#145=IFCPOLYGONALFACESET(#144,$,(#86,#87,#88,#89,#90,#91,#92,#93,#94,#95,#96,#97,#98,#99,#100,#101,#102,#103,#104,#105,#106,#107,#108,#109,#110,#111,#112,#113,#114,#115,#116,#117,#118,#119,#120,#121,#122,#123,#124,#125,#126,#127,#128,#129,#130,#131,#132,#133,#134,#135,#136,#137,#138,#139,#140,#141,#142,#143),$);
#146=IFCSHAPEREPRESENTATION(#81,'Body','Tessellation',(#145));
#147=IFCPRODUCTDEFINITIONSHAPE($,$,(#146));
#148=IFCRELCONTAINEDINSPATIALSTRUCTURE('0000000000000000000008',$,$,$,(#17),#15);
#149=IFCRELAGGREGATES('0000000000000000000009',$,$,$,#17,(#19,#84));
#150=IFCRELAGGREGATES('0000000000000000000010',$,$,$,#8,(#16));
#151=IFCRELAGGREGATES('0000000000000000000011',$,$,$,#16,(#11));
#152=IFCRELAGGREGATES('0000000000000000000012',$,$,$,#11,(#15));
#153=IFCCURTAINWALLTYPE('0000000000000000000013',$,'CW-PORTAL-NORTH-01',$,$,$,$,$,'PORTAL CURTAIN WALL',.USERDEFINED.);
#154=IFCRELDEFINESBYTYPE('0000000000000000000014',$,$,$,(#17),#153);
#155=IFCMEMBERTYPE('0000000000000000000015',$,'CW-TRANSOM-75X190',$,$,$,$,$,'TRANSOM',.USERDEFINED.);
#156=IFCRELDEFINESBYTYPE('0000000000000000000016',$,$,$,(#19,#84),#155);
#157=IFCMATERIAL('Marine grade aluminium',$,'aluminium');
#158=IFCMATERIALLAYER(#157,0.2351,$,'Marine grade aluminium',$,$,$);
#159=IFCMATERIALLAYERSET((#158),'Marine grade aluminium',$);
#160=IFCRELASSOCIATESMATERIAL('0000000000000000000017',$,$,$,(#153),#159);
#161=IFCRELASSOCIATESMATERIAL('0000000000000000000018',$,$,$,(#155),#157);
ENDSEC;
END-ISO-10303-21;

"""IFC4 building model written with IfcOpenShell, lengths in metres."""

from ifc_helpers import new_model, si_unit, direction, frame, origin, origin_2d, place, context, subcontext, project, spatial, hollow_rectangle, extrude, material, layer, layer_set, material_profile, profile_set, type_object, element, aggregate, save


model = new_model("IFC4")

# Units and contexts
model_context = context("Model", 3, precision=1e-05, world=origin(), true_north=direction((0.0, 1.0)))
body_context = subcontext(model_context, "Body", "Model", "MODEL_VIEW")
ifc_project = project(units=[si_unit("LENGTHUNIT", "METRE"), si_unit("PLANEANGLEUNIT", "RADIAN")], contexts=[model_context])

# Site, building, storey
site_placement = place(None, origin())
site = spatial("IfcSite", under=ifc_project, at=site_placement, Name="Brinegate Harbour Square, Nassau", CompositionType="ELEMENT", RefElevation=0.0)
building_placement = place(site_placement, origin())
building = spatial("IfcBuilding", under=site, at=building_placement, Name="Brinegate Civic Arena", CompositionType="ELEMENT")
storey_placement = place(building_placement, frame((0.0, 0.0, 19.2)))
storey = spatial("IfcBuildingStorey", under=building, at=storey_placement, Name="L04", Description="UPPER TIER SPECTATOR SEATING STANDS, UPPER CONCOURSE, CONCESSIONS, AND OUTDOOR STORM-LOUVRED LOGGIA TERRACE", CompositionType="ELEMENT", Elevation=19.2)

TO DO: Output the entire listing again, word for word.

TASK RESULT:
#145=IFCPOLYGONALFACESET(#144,$,(#86,#87,#88,#89,#90,#91,#92,#93,#94,#95,#96,#97,#98,#99,#100,#101,#102,#103,#104,#105,#106,#107,#108,#109,#110,#111,#112,#113,#114,#115,#116,#117,#118,#119,#120,#121,#122,#123,#124,#125,#126,#127,#128,#129,#130,#131,#132,#133,#134,#135,#136,#137,#138,#139,#140,#141,#142,#143),$);
#146=IFCSHAPEREPRESENTATION(#81,'Body','Tessellation',(#145));
#147=IFCPRODUCTDEFINITIONSHAPE($,$,(#146));
#148=IFCRELCONTAINEDINSPATIALSTRUCTURE('0000000000000000000008',$,$,$,(#17),#15);
#149=IFCRELAGGREGATES('0000000000000000000009',$,$,$,#17,(#19,#84));
#150=IFCRELAGGREGATES('0000000000000000000010',$,$,$,#8,(#16));
#151=IFCRELAGGREGATES('0000000000000000000011',$,$,$,#16,(#11));
#152=IFCRELAGGREGATES('0000000000000000000012',$,$,$,#11,(#15));
#153=IFCCURTAINWALLTYPE('0000000000000000000013',$,'CW-PORTAL-NORTH-01',$,$,$,$,$,'PORTAL CURTAIN WALL',.USERDEFINED.);
#154=IFCRELDEFINESBYTYPE('0000000000000000000014',$,$,$,(#17),#153);
#155=IFCMEMBERTYPE('0000000000000000000015',$,'CW-TRANSOM-75X190',$,$,$,$,$,'TRANSOM',.USERDEFINED.);
#156=IFCRELDEFINESBYTYPE('0000000000000000000016',$,$,$,(#19,#84),#155);
#157=IFCMATERIAL('Marine grade aluminium',$,'aluminium');
#158=IFCMATERIALLAYER(#157,0.2351,$,'Marine grade aluminium',$,$,$);
#159=IFCMATERIALLAYERSET((#158),'Marine grade aluminium',$);
#160=IFCRELASSOCIATESMATERIAL('0000000000000000000017',$,$,$,(#153),#159);
#161=IFCRELASSOCIATESMATERIAL('0000000000000000000018',$,$,$,(#155),#157);
ENDSEC;
END-ISO-10303-21;

"""IFC4 building model written with IfcOpenShell, lengths in metres."""

from ifc_helpers import new_model, si_unit, direction, frame, origin, origin_2d, place, context, subcontext, project, spatial, hollow_rectangle, extrude, material, layer, layer_set, material_profile, profile_set, type_object, element, aggregate, save


model = new_model("IFC4")

# Units and contexts
model_context = context("Model", 3, precision=1e-05, world=origin(), true_north=direction((0.0, 1.0)))
body_context = subcontext(model_context, "Body", "Model", "MODEL_VIEW")
ifc_project = project(units=[si_unit("LENGTHUNIT", "METRE"), si_unit("PLANEANGLEUNIT", "RADIAN")], contexts=[model_context])

# Site, building, storey
site_placement = place(None, origin())
site = spatial("IfcSite", under=ifc_project, at=site_placement, Name="Brinegate Harbour Square, Nassau", CompositionType="ELEMENT", RefElevation=0.0)
building_placement = place(site_placement, origin())
building = spatial("IfcBuilding", under=site, at=building_placement, Name="Brinegate Civic Arena", CompositionType="ELEMENT")
storey_placement = place(building_placement, frame((0.0, 0.0, 19.2)))
storey = spatial("IfcBuildingStorey", under=building, at=storey_placement, Name="L04", Description="UPPER TIER SPECTATOR SEATING STANDS, UPPER CONCOURSE, CONCESSIONS, AND OUTDOOR STORM-LOUVRED LOGGIA TERRACE", CompositionType="ELEMENT", Elevation=19.2)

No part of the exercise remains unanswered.